(Collection entries)
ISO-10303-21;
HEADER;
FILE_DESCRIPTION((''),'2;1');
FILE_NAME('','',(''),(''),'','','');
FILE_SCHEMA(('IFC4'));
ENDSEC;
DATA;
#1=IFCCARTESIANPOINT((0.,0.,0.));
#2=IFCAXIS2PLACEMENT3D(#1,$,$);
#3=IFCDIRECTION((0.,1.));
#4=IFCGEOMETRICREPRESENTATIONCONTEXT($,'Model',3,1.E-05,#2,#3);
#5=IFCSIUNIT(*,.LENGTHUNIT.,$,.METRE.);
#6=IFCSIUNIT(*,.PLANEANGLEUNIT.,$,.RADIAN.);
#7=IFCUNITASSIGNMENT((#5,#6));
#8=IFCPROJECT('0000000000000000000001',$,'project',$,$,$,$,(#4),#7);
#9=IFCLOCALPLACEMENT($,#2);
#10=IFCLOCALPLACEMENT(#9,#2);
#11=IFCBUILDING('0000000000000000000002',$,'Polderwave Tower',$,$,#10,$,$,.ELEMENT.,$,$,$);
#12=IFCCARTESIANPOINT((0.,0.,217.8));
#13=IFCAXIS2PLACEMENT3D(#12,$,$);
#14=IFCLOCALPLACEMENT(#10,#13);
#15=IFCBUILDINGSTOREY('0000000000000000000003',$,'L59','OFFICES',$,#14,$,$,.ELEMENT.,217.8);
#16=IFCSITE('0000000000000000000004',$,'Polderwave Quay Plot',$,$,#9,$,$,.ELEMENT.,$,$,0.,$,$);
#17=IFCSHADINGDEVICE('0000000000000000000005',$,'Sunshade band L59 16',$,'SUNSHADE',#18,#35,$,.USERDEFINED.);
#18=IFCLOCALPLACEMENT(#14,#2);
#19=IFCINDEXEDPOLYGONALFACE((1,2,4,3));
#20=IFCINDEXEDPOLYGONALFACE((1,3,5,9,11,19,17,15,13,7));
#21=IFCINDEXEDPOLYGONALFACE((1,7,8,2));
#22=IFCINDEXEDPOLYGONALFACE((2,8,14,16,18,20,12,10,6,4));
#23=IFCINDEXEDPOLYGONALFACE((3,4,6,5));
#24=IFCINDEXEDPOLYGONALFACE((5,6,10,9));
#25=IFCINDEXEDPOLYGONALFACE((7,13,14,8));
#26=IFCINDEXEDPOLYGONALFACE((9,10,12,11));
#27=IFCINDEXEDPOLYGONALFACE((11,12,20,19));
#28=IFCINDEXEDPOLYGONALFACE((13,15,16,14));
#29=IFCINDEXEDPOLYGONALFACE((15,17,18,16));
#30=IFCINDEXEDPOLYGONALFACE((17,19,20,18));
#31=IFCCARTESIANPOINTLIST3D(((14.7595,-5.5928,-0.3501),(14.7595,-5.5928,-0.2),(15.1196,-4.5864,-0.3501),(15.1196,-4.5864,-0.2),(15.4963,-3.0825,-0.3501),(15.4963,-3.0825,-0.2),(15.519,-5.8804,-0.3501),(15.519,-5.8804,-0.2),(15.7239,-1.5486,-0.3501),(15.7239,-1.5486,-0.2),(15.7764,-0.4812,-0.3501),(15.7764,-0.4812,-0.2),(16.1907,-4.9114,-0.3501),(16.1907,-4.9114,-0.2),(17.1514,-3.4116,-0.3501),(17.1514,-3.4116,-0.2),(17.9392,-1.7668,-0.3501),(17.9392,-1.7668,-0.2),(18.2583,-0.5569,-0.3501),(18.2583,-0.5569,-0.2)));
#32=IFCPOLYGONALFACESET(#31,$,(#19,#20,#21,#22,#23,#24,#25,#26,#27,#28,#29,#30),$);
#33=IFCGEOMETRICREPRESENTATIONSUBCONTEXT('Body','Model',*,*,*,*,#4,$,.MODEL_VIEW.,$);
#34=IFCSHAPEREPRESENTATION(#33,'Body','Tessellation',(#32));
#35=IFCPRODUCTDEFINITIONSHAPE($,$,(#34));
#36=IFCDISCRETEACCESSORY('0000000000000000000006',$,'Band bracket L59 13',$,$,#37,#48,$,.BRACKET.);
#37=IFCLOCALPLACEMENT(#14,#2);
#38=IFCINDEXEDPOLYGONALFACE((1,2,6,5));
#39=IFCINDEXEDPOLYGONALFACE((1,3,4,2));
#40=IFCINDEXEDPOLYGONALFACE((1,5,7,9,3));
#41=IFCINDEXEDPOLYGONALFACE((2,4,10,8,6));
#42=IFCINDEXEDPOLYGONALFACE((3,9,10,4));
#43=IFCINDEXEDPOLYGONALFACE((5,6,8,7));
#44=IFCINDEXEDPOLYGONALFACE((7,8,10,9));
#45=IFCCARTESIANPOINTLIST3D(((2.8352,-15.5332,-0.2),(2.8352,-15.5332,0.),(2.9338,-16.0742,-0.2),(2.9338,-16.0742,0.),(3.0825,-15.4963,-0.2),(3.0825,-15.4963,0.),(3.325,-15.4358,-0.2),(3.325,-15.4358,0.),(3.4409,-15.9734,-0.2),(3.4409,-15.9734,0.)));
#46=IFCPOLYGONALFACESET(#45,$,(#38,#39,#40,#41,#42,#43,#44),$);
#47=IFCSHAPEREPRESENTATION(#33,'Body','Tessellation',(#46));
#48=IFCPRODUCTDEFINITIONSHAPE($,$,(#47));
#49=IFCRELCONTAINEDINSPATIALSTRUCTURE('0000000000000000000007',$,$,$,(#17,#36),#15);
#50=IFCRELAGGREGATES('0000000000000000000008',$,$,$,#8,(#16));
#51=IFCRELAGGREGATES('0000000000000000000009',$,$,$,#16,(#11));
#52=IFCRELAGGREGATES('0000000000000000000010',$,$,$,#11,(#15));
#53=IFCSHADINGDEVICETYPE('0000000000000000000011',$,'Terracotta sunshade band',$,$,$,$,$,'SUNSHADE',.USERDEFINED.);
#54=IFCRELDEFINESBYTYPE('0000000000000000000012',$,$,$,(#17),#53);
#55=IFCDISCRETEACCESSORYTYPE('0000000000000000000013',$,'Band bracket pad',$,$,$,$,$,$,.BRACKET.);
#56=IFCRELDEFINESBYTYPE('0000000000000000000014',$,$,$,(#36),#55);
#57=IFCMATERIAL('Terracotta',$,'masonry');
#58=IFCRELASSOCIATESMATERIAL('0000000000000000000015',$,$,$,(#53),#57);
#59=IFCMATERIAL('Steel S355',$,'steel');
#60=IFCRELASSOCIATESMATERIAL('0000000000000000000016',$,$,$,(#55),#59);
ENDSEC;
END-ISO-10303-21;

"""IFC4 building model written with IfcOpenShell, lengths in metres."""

from ifc_helpers import new_model, si_unit, direction, frame, origin, place, context, subcontext, project, spatial, polyline, outline, extrude, material, type_object, element, save


model = new_model("IFC4")

# Units and contexts
model_context = context("Model", 3, precision=1e-05, world=origin(), true_north=direction((0.0, 1.0)))
body_context = subcontext(model_context, "Body", "Model", "MODEL_VIEW")
ifc_project = project(units=[si_unit("LENGTHUNIT", "METRE"), si_unit("PLANEANGLEUNIT", "RADIAN")], contexts=[model_context])

# Site, building, storey
site_placement = place(None, origin())
site = spatial("IfcSite", under=ifc_project, at=site_placement, Name="Polderwave Quay Plot", CompositionType="ELEMENT", RefElevation=0.0)
building_placement = place(site_placement, origin())
building = spatial("IfcBuilding", under=site, at=building_placement, Name="Polderwave Tower", CompositionType="ELEMENT")
storey_placement = place(building_placement, frame((0.0, 0.0, 217.8)))
storey = spatial("IfcBuildingStorey", under=building, at=storey_placement, Name="L59", Description="OFFICES", CompositionType="ELEMENT", Elevation=217.8)

# Shading device
ifc_material_1 = material(Name="Terracotta", Category="masonry")
shading_device_type = type_object("IfcShadingDeviceType", Name="Terracotta sunshade band", ElementType="SUNSHADE", PredefinedType="USERDEFINED", material=ifc_material_1)
shading_device_1_placement = place(storey_placement, frame((0.0, 0.0, -0.3501)))
element("IfcShadingDevice", 1, at=shading_device_1_placement, inside=storey, type_object=shading_device_type, Name="Sunshade band L59 16", ObjectType="SUNSHADE", PredefinedType="USERDEFINED", context=body_context, shape_type="SweptSolid", body=[
    extrude(outline(polyline([(14.7595, -5.5928), (15.1196, -4.5864), (15.4963, -3.0825), (15.7239, -1.5486), (15.7764, -0.4812), (18.2583, -0.5569), (17.9392, -1.7668), (17.1514, -3.4116), (16.1907, -4.9114), (15.519, -5.8804), (14.7595, -5.5928)])), origin(), (0.0, 0.0, 1.0), 0.1501),
])

# Discrete accessory
ifc_material_2 = material(Name="Steel S355", Category="steel")
discrete_accessory_type = type_object("IfcDiscreteAccessoryType", Name="Band bracket pad", PredefinedType="BRACKET", material=ifc_material_2)
discrete_accessory_placement = place(storey_placement, frame((0.0, 0.0, -0.2)))
element("IfcDiscreteAccessory", 2, at=discrete_accessory_placement, inside=storey, type_object=discrete_accessory_type, Name="Band bracket L59 13", PredefinedType="BRACKET", context=body_context, shape_type="SweptSolid", body=[
    extrude(outline(polyline([(2.8352, -15.5332), (3.0825, -15.4963), (3.325, -15.4358), (3.4409, -15.9734), (2.9338, -16.0742), (2.8352, -15.5332)])), origin(), (0.0, 0.0, 1.0), 0.2),
])

save(model, "model.ifc")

• _Assignment_: Give back every line from the beginning of the records through the line holding "#24=IFCINDEXEDPOLYGONALFACE((5,6,10,9));", exactly as it reads, and leave out the rest.

• _Written response_:
ISO-10303-21;
HEADER;
FILE_DESCRIPTION((''),'2;1');
FILE_NAME('','',(''),(''),'','','');
FILE_SCHEMA(('IFC4'));
ENDSEC;
DATA;
#1=IFCCARTESIANPOINT((0.,0.,0.));
#2=IFCAXIS2PLACEMENT3D(#1,$,$);
#3=IFCDIRECTION((0.,1.));
#4=IFCGEOMETRICREPRESENTATIONCONTEXT($,'Model',3,1.E-05,#2,#3);
#5=IFCSIUNIT(*,.LENGTHUNIT.,$,.METRE.);
#6=IFCSIUNIT(*,.PLANEANGLEUNIT.,$,.RADIAN.);
#7=IFCUNITASSIGNMENT((#5,#6));
#8=IFCPROJECT('0000000000000000000001',$,'project',$,$,$,$,(#4),#7);
#9=IFCLOCALPLACEMENT($,#2);
#10=IFCLOCALPLACEMENT(#9,#2);
#11=IFCBUILDING('0000000000000000000002',$,'Polderwave Tower',$,$,#10,$,$,.ELEMENT.,$,$,$);
#12=IFCCARTESIANPOINT((0.,0.,217.8));
#13=IFCAXIS2PLACEMENT3D(#12,$,$);
#14=IFCLOCALPLACEMENT(#10,#13);
#15=IFCBUILDINGSTOREY('0000000000000000000003',$,'L59','OFFICES',$,#14,$,$,.ELEMENT.,217.8);
#16=IFCSITE('0000000000000000000004',$,'Polderwave Quay Plot',$,$,#9,$,$,.ELEMENT.,$,$,0.,$,$);
#17=IFCSHADINGDEVICE('0000000000000000000005',$,'Sunshade band L59 16',$,'SUNSHADE',#18,#35,$,.USERDEFINED.);
#18=IFCLOCALPLACEMENT(#14,#2);
#19=IFCINDEXEDPOLYGONALFACE((1,2,4,3));
#20=IFCINDEXEDPOLYGONALFACE((1,3,5,9,11,19,17,15,13,7));
#21=IFCINDEXEDPOLYGONALFACE((1,7,8,2));
#22=IFCINDEXEDPOLYGONALFACE((2,8,14,16,18,20,12,10,6,4));
#23=IFCINDEXEDPOLYGONALFACE((3,4,6,5));
#24=IFCINDEXEDPOLYGONALFACE((5,6,10,9));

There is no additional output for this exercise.